_Saved data entries_:
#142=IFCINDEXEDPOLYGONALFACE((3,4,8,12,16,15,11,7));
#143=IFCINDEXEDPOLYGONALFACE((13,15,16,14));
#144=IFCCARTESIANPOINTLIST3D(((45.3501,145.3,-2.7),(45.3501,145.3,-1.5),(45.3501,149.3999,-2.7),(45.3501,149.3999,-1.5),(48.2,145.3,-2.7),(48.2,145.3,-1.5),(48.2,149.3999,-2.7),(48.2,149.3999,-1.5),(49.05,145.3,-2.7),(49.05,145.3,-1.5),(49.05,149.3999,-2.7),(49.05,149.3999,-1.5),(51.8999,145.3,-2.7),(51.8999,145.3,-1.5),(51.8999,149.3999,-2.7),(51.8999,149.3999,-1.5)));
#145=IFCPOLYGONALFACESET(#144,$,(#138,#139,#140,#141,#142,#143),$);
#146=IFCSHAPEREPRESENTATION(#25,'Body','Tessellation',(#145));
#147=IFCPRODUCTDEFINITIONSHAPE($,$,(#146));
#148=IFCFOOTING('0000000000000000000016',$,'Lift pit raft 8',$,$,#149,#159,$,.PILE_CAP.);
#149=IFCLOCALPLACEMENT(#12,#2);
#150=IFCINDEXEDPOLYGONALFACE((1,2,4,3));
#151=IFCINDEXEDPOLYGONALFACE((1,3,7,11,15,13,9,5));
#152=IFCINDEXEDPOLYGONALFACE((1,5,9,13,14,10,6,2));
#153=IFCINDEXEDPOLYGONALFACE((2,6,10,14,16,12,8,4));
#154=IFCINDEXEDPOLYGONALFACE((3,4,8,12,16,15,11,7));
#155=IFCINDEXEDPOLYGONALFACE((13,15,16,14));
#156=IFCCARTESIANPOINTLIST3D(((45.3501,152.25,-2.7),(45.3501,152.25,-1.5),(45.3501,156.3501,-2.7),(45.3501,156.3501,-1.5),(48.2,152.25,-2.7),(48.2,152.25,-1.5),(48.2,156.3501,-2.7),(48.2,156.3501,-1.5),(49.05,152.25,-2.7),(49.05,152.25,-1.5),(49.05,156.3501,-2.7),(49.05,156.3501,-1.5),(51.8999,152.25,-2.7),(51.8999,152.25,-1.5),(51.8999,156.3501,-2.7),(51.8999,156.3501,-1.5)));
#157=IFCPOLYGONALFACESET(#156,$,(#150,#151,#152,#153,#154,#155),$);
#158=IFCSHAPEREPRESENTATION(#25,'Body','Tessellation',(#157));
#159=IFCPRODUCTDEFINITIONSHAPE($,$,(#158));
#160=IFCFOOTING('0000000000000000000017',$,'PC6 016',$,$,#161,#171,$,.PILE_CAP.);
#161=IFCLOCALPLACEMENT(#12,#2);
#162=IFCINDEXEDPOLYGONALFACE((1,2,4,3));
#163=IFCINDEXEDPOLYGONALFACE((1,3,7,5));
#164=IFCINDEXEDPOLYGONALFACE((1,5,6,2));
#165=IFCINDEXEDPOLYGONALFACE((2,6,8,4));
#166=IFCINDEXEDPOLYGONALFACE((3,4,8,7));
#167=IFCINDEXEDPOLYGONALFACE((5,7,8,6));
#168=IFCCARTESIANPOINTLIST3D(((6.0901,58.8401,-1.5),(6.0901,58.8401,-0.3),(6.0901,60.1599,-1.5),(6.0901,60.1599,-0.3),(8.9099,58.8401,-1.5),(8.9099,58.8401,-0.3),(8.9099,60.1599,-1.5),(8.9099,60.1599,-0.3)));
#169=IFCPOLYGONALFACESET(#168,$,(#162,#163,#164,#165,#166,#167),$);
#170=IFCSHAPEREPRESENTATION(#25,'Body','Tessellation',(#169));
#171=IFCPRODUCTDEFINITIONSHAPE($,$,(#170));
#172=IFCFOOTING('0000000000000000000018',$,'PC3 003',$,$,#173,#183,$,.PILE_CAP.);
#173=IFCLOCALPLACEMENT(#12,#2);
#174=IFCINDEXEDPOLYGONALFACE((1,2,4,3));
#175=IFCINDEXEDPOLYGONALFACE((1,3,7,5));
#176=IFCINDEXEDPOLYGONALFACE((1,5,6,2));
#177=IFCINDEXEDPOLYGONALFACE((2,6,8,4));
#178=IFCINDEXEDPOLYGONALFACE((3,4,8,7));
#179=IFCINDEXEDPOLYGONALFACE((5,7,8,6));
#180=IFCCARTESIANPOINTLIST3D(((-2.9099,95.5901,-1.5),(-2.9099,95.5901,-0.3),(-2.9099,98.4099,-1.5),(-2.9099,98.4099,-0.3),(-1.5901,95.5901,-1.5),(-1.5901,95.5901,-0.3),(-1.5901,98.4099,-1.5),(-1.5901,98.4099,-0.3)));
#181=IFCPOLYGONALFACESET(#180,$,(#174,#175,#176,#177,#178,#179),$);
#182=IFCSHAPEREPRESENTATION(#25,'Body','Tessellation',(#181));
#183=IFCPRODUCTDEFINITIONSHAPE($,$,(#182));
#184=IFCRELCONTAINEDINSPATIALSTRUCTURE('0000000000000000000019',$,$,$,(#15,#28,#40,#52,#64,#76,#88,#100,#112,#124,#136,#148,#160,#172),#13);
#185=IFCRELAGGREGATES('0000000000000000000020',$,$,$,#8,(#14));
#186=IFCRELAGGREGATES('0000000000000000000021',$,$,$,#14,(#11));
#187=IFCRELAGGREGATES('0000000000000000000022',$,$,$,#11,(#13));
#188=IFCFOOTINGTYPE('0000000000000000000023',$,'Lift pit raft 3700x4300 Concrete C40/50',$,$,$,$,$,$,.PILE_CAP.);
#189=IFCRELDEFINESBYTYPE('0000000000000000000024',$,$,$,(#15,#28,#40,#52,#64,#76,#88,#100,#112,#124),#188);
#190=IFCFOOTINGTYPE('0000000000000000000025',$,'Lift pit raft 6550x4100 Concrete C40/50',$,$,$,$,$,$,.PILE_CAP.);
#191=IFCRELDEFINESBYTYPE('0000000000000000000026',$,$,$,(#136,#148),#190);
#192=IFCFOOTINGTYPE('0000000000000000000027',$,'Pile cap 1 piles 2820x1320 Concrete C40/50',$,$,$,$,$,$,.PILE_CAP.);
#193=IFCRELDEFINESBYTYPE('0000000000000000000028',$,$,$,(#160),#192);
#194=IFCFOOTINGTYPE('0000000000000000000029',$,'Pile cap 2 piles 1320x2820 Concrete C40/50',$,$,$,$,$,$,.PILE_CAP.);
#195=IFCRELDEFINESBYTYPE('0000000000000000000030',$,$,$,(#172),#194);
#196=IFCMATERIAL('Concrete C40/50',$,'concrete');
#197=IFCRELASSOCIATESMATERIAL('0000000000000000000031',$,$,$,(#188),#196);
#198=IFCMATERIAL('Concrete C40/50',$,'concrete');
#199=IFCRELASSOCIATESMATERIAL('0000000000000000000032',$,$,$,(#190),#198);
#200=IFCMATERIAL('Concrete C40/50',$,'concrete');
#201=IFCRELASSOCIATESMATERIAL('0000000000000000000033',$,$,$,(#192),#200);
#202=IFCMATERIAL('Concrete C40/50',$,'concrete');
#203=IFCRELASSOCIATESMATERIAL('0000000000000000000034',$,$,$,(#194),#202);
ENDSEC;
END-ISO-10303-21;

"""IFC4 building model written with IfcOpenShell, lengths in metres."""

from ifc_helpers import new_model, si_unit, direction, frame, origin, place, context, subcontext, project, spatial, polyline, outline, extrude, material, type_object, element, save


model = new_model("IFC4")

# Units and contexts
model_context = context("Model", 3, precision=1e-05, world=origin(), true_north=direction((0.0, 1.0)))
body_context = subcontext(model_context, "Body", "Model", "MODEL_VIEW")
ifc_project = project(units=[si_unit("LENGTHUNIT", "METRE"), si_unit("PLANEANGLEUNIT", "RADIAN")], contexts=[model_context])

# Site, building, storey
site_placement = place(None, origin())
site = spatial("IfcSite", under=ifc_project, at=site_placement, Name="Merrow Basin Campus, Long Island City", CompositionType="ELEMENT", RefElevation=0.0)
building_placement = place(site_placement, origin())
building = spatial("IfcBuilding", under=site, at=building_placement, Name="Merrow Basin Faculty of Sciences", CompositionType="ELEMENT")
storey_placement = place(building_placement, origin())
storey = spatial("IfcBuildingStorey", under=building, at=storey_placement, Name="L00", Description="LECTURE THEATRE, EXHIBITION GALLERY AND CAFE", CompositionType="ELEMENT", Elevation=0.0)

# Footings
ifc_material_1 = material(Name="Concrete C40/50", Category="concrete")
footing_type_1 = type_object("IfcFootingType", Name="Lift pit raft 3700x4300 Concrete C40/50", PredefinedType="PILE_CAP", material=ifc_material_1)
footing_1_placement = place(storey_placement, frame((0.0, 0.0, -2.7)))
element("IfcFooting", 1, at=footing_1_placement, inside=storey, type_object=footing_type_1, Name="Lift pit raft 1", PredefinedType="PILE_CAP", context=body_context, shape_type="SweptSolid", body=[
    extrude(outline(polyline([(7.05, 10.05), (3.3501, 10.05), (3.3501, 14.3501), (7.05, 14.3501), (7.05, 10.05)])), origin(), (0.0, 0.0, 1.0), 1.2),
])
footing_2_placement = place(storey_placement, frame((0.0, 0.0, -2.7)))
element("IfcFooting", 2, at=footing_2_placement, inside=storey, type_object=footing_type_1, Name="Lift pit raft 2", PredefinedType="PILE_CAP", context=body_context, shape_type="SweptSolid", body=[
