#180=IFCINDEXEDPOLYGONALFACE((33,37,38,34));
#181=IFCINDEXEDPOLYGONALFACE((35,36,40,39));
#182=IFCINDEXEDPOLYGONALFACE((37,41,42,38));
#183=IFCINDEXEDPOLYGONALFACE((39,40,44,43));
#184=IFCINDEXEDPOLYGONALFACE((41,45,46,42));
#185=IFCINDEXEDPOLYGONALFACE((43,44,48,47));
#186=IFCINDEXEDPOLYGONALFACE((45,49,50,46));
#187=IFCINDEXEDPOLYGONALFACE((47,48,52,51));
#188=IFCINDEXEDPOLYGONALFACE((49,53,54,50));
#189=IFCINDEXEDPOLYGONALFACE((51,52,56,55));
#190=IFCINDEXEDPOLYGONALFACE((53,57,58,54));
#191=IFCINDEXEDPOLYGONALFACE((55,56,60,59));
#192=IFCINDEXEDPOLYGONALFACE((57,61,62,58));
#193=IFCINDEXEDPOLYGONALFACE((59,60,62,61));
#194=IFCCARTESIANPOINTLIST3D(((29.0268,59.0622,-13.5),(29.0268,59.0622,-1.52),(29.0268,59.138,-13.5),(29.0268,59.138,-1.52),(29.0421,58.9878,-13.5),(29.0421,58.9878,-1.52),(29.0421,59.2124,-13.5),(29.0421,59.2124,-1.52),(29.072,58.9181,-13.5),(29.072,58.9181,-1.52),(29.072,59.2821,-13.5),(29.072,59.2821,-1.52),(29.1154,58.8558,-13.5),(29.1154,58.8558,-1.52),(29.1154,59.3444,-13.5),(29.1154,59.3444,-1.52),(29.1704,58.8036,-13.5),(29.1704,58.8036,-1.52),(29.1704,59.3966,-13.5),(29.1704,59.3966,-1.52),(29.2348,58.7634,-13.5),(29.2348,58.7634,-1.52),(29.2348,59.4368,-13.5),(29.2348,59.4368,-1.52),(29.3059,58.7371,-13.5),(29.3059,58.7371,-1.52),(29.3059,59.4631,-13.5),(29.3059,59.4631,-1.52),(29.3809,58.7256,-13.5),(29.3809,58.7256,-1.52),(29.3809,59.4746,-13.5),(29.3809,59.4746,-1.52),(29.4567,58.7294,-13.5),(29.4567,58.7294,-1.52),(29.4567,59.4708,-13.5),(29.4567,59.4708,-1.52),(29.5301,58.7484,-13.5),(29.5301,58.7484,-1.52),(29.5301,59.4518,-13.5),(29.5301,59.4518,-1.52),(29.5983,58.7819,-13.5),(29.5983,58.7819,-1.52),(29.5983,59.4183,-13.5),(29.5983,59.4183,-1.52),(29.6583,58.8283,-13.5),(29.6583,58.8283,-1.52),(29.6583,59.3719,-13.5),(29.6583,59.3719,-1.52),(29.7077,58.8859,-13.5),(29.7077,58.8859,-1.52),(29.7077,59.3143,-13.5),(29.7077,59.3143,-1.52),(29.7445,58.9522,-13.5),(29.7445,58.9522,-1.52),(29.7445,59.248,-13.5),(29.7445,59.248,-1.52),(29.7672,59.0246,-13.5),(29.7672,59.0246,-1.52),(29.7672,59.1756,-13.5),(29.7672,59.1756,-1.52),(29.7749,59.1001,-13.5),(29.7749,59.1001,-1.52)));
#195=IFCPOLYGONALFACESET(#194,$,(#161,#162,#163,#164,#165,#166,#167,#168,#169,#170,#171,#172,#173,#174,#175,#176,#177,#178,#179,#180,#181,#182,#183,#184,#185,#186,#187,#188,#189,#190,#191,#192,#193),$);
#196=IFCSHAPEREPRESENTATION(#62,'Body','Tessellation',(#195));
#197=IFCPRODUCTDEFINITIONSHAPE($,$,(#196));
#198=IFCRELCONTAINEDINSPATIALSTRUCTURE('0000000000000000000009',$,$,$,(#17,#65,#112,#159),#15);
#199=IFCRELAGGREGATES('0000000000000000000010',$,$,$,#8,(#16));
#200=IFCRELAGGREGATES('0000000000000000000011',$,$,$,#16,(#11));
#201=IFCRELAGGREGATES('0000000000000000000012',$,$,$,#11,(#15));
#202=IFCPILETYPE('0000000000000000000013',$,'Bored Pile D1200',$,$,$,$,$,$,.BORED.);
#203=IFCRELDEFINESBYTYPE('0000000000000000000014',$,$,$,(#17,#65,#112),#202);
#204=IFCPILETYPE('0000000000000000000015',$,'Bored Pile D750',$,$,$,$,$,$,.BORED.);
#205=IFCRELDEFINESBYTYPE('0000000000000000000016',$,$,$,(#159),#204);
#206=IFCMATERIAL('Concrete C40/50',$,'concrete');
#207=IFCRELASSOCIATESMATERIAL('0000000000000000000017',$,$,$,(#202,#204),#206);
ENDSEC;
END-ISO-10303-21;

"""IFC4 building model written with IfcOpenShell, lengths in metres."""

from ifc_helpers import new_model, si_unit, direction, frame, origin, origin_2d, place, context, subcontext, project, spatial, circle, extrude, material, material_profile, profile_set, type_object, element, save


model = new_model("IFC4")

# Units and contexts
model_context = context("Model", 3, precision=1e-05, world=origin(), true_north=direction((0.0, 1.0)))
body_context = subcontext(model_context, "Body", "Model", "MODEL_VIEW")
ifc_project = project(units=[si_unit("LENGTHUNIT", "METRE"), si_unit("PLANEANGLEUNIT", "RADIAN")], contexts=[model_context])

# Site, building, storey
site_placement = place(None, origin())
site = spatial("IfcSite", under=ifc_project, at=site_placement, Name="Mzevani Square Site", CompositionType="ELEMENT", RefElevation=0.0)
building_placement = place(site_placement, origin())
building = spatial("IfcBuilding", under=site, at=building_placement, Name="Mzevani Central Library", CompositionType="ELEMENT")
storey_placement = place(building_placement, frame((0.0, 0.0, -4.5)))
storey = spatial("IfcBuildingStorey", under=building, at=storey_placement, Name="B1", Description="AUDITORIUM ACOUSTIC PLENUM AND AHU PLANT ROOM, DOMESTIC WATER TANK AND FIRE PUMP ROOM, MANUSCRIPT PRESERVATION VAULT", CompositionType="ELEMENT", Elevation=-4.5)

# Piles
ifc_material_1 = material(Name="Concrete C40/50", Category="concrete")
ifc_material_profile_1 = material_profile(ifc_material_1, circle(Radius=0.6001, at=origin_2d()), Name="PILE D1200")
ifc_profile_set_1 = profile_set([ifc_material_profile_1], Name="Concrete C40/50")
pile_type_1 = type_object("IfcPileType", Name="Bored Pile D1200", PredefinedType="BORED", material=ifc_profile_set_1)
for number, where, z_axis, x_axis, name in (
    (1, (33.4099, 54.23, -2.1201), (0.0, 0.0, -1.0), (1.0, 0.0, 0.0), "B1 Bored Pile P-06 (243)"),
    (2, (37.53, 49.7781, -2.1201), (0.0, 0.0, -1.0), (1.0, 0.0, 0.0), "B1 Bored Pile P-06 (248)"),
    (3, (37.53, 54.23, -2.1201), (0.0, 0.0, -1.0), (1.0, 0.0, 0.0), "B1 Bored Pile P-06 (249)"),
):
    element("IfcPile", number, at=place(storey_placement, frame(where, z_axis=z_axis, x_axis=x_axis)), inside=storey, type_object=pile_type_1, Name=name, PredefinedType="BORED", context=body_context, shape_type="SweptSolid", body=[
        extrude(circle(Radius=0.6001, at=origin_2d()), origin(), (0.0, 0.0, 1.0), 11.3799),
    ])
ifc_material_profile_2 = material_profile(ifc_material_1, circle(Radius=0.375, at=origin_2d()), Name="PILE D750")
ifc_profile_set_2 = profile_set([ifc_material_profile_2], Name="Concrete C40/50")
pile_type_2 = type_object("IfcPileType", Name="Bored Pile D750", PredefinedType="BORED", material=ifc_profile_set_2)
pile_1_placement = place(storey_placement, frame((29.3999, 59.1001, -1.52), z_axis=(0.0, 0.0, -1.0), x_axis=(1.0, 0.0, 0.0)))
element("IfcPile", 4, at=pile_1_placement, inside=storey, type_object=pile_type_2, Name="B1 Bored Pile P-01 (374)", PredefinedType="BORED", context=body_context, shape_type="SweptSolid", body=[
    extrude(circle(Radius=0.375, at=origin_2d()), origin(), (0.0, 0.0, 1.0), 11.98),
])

_EXERCISE INSTRUCTIONS_: Copy every line above that holds the word "from".

_WRITTEN RESPONSE_:
from ifc_helpers import new_model, si_unit, direction, frame, origin, place, context, subcontext, project, spatial, polyline, outline, extrude, material, type_object, element, save
from ifc_helpers import new_model, si_unit, direction, frame, origin, origin_2d, place, context, subcontext, project, spatial, circle, extrude, material, material_profile, profile_set, type_object, element, save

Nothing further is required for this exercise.